Across the entries that follow, how many lines have the word "direction" in them? Give only the number.

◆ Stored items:
===

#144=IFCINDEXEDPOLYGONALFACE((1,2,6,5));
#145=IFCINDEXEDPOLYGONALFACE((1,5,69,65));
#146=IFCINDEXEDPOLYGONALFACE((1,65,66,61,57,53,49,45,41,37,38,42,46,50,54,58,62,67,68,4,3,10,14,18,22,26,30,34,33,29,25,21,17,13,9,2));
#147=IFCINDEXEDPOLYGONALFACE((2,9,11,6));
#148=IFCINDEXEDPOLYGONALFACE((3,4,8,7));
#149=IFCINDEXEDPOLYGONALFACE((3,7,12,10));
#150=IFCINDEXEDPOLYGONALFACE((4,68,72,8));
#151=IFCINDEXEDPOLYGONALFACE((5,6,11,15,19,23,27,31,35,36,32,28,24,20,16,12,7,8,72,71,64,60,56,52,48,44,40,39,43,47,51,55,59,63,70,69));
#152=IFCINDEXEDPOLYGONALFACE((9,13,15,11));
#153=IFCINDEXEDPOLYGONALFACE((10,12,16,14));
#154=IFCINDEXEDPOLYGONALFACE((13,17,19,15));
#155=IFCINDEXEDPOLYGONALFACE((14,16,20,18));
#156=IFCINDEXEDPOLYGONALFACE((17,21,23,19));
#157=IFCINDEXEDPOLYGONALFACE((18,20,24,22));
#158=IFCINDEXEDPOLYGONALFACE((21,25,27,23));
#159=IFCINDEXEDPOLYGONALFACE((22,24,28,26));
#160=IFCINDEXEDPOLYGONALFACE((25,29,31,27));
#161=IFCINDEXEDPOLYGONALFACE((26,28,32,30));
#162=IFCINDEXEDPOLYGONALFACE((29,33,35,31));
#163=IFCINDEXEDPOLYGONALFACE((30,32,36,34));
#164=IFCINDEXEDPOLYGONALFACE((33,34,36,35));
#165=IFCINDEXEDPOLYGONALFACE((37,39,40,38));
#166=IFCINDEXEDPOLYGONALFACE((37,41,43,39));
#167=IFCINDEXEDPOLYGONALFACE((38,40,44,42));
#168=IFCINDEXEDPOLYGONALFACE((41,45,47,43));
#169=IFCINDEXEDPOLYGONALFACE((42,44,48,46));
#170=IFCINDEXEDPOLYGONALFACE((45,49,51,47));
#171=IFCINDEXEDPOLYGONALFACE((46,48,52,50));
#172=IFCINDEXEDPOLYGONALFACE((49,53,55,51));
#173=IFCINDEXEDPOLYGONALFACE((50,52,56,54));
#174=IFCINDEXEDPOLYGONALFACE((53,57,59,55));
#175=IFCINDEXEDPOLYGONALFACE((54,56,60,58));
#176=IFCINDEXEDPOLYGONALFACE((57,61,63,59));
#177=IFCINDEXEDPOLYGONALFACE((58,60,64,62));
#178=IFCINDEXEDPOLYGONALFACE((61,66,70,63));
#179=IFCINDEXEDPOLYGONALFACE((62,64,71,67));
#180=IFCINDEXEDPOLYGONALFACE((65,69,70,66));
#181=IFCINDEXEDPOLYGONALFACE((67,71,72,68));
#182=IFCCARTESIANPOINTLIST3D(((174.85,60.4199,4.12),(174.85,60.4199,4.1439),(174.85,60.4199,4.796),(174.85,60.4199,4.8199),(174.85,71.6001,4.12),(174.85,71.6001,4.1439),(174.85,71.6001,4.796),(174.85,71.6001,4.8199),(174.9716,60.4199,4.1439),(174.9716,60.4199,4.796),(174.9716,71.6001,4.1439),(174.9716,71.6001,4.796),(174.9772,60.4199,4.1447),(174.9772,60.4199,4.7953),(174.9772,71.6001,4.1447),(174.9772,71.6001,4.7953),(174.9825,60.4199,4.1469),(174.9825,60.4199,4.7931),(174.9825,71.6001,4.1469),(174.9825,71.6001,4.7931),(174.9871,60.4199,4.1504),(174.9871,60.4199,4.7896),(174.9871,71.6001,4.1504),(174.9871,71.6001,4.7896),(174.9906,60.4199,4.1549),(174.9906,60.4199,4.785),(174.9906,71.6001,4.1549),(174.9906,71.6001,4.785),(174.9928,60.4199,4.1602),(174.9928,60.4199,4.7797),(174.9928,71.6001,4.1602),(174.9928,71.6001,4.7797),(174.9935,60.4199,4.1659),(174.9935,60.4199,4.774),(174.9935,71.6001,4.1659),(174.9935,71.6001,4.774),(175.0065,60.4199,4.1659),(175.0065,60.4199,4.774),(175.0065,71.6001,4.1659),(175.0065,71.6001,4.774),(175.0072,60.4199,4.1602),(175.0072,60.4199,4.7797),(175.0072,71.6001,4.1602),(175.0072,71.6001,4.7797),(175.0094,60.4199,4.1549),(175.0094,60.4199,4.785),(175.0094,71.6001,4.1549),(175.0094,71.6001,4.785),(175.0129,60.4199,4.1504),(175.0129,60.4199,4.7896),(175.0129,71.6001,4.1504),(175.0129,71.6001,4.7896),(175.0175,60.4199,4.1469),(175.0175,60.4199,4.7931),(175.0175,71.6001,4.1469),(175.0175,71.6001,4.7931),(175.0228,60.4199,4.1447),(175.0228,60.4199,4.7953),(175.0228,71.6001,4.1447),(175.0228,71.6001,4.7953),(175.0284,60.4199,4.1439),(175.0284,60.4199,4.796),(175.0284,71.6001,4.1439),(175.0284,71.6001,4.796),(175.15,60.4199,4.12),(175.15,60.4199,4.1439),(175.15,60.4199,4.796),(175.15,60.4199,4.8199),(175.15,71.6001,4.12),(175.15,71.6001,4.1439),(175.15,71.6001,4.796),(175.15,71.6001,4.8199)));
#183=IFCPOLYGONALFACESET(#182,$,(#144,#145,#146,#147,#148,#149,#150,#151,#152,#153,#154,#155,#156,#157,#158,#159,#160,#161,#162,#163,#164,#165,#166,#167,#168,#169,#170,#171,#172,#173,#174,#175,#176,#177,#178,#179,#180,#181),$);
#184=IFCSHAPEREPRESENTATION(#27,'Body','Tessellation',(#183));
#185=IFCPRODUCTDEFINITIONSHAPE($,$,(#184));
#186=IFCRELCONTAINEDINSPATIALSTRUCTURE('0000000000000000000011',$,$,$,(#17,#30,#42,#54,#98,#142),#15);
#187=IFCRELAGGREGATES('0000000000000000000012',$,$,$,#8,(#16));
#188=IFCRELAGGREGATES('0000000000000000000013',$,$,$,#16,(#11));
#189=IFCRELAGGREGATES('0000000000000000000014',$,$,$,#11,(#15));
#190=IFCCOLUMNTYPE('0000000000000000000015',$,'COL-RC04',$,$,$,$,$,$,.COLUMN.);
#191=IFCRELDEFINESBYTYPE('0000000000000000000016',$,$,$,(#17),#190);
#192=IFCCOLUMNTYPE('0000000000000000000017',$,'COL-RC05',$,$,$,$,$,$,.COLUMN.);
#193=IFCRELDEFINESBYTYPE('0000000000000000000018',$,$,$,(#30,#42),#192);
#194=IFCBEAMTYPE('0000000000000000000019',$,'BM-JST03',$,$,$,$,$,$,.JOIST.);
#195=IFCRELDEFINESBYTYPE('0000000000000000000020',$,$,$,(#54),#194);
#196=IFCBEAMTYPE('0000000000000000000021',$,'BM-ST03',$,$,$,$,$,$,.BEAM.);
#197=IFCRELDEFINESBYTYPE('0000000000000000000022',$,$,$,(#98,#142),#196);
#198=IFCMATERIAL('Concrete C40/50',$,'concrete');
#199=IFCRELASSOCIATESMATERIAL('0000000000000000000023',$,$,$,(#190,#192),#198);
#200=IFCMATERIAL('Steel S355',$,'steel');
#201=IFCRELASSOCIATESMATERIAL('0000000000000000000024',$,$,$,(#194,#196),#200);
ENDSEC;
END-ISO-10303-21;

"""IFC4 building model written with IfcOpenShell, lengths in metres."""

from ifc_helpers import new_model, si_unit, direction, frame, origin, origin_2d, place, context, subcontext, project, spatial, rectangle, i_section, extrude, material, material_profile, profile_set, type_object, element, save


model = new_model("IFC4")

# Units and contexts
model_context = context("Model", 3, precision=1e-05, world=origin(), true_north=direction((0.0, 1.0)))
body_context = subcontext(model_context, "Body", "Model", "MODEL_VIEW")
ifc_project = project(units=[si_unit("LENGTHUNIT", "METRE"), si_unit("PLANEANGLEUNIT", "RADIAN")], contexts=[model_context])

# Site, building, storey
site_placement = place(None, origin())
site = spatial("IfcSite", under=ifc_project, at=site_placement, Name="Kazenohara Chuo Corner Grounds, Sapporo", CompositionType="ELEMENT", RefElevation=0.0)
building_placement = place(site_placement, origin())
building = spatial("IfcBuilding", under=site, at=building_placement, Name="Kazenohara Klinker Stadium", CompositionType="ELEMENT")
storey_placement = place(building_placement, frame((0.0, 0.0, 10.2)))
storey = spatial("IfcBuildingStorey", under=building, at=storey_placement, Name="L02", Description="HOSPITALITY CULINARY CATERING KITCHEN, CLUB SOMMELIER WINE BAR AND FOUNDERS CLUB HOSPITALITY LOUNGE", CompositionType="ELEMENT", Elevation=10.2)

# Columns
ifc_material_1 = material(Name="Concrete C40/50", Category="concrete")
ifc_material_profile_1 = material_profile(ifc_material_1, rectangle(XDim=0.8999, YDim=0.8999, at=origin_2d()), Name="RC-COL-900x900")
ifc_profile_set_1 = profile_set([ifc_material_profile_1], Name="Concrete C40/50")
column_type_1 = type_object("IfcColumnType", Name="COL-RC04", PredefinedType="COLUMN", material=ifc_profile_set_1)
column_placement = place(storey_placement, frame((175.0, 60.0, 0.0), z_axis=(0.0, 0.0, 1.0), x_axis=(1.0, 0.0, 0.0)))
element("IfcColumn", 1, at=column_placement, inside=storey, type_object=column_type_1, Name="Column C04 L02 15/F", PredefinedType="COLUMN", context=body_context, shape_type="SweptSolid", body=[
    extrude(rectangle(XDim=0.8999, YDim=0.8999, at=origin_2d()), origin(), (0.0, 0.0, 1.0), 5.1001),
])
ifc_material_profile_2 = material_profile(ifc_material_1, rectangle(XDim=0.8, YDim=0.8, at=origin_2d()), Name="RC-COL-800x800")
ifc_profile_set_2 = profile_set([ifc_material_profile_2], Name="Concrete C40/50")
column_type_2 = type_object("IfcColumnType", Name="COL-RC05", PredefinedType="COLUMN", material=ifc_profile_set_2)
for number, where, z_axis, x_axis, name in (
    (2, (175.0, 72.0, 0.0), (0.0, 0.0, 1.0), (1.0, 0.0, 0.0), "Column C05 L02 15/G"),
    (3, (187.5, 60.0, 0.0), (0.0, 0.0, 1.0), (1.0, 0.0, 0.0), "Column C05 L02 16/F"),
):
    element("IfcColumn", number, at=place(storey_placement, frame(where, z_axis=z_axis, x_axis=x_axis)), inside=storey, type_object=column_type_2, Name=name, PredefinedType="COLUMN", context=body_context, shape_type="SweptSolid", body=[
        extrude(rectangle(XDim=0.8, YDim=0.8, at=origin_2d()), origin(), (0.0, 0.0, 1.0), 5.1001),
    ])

===

◆ Expected answer: 2